--- PROBLEM DESCRIPTION ---
Only the closing stretch of the material belongs in the answer: the line containing "#145=IFCINDEXEDPOLYGONALFACE((5,9,10,6));" and every line after it, copied exactly.

------------------------------------

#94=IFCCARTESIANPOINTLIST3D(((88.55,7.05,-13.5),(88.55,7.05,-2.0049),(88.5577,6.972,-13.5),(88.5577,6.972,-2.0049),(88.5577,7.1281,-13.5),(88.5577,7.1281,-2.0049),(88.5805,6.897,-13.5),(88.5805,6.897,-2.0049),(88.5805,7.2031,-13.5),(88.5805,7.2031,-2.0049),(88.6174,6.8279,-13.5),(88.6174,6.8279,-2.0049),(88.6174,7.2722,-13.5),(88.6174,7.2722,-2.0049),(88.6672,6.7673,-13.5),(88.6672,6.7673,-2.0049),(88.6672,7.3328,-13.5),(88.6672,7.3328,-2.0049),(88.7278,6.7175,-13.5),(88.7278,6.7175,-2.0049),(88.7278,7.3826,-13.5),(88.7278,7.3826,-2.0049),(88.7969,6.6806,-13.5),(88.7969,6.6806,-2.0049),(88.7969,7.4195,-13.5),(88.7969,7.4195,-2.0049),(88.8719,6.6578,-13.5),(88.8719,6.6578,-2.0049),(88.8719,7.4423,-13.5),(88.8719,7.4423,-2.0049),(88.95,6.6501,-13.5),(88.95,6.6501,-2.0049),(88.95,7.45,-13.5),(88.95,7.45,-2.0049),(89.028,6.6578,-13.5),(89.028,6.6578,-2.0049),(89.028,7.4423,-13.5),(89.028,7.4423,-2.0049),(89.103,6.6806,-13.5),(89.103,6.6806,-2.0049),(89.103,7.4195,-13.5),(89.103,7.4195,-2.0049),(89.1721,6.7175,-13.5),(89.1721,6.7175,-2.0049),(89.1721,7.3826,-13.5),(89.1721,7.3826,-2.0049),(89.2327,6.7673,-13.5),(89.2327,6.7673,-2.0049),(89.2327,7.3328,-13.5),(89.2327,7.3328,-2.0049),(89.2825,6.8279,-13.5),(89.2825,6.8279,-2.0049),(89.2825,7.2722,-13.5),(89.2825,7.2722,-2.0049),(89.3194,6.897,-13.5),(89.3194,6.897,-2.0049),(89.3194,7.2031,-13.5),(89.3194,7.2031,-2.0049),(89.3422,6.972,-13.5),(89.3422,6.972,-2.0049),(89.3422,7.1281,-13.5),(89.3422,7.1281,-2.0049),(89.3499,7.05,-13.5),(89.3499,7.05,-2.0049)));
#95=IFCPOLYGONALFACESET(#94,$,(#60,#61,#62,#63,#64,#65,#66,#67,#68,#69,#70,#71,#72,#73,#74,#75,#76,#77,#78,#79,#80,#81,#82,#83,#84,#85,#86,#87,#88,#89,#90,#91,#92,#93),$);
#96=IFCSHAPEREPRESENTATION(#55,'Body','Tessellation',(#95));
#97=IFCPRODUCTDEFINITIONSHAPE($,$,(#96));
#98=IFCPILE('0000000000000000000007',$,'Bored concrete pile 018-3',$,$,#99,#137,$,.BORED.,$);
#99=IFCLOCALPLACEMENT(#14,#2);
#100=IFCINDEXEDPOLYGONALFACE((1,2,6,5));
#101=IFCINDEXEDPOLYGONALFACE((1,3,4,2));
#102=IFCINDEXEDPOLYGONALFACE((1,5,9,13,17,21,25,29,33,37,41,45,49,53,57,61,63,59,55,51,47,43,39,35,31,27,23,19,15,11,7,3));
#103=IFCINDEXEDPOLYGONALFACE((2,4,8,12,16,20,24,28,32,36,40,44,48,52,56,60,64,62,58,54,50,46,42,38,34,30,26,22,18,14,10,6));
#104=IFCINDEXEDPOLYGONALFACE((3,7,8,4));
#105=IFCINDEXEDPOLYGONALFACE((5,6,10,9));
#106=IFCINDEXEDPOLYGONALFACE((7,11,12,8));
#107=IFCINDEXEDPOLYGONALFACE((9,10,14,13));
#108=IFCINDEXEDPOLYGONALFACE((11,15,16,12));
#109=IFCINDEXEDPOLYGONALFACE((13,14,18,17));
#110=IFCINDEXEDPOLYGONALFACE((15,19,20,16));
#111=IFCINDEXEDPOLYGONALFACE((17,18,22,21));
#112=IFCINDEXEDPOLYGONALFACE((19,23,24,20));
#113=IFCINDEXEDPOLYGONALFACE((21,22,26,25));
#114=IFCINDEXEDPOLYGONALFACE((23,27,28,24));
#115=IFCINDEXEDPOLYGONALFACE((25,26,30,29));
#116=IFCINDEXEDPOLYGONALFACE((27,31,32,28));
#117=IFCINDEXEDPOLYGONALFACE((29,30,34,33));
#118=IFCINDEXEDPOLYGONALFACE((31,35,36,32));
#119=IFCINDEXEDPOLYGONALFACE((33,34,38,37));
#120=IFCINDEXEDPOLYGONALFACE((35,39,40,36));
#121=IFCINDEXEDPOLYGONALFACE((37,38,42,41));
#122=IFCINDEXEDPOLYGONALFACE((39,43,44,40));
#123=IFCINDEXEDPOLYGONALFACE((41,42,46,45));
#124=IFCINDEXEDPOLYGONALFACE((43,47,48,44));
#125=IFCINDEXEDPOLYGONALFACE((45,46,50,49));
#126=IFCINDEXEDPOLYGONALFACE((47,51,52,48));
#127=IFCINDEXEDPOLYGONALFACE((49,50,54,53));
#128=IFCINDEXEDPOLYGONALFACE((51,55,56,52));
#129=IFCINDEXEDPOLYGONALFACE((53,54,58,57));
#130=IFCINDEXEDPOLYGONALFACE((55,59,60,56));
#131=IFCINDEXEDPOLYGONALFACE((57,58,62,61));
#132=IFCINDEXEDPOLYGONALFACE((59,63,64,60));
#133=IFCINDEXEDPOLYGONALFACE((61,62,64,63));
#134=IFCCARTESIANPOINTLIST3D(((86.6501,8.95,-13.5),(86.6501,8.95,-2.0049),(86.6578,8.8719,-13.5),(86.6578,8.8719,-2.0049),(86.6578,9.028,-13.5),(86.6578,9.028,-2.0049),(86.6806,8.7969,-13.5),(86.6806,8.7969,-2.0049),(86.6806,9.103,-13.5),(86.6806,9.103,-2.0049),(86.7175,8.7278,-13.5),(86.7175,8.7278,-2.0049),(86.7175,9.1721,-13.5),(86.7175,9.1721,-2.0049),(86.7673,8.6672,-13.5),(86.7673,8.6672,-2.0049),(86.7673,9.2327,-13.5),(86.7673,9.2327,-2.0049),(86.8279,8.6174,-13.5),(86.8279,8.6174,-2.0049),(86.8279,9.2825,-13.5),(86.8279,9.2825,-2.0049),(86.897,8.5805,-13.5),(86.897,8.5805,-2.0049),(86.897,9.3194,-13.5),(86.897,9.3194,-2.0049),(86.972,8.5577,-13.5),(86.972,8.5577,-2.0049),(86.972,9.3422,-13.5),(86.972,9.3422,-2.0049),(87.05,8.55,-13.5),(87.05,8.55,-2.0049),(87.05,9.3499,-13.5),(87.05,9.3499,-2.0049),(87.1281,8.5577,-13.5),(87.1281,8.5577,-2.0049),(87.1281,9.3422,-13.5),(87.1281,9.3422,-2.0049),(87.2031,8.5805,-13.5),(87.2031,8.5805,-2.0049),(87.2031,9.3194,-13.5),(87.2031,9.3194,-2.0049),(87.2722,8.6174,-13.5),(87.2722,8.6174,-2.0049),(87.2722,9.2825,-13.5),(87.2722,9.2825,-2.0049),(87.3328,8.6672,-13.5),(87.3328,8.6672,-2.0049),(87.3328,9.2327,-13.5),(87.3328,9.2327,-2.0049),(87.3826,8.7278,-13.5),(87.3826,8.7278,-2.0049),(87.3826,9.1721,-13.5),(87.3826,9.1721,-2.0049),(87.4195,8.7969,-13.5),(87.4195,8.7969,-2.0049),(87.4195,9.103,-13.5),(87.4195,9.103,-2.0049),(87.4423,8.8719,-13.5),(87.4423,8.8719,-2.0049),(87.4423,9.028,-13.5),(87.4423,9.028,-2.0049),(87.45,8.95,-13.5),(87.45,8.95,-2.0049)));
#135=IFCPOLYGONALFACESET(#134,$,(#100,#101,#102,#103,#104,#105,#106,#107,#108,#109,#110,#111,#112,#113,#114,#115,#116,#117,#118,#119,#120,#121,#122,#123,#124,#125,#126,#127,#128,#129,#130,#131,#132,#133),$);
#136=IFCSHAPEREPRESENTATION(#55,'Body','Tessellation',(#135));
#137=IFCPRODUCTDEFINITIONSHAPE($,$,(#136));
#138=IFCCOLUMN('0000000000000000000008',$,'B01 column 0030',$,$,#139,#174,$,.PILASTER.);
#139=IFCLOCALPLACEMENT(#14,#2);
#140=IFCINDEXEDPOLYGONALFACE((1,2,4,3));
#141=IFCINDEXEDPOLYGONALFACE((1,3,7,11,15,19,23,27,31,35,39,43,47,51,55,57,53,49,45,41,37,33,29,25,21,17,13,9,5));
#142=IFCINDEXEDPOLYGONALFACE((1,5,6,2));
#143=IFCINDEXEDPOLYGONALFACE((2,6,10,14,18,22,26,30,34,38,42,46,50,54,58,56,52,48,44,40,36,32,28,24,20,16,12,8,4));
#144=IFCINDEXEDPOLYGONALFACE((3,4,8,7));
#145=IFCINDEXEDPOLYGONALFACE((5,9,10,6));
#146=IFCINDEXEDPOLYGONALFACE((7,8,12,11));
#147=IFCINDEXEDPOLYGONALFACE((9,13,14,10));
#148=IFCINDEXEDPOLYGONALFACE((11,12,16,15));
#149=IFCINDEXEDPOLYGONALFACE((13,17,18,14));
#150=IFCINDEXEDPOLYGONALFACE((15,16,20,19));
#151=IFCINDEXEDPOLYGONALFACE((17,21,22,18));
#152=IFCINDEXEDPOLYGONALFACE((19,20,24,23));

------------------------------------

--- ANSWER FOR THIS EXERCISE ---
#145=IFCINDEXEDPOLYGONALFACE((5,9,10,6));
#146=IFCINDEXEDPOLYGONALFACE((7,8,12,11));
#147=IFCINDEXEDPOLYGONALFACE((9,13,14,10));
#148=IFCINDEXEDPOLYGONALFACE((11,12,16,15));
#149=IFCINDEXEDPOLYGONALFACE((13,17,18,14));
#150=IFCINDEXEDPOLYGONALFACE((15,16,20,19));
#151=IFCINDEXEDPOLYGONALFACE((17,21,22,18));
#152=IFCINDEXEDPOLYGONALFACE((19,20,24,23));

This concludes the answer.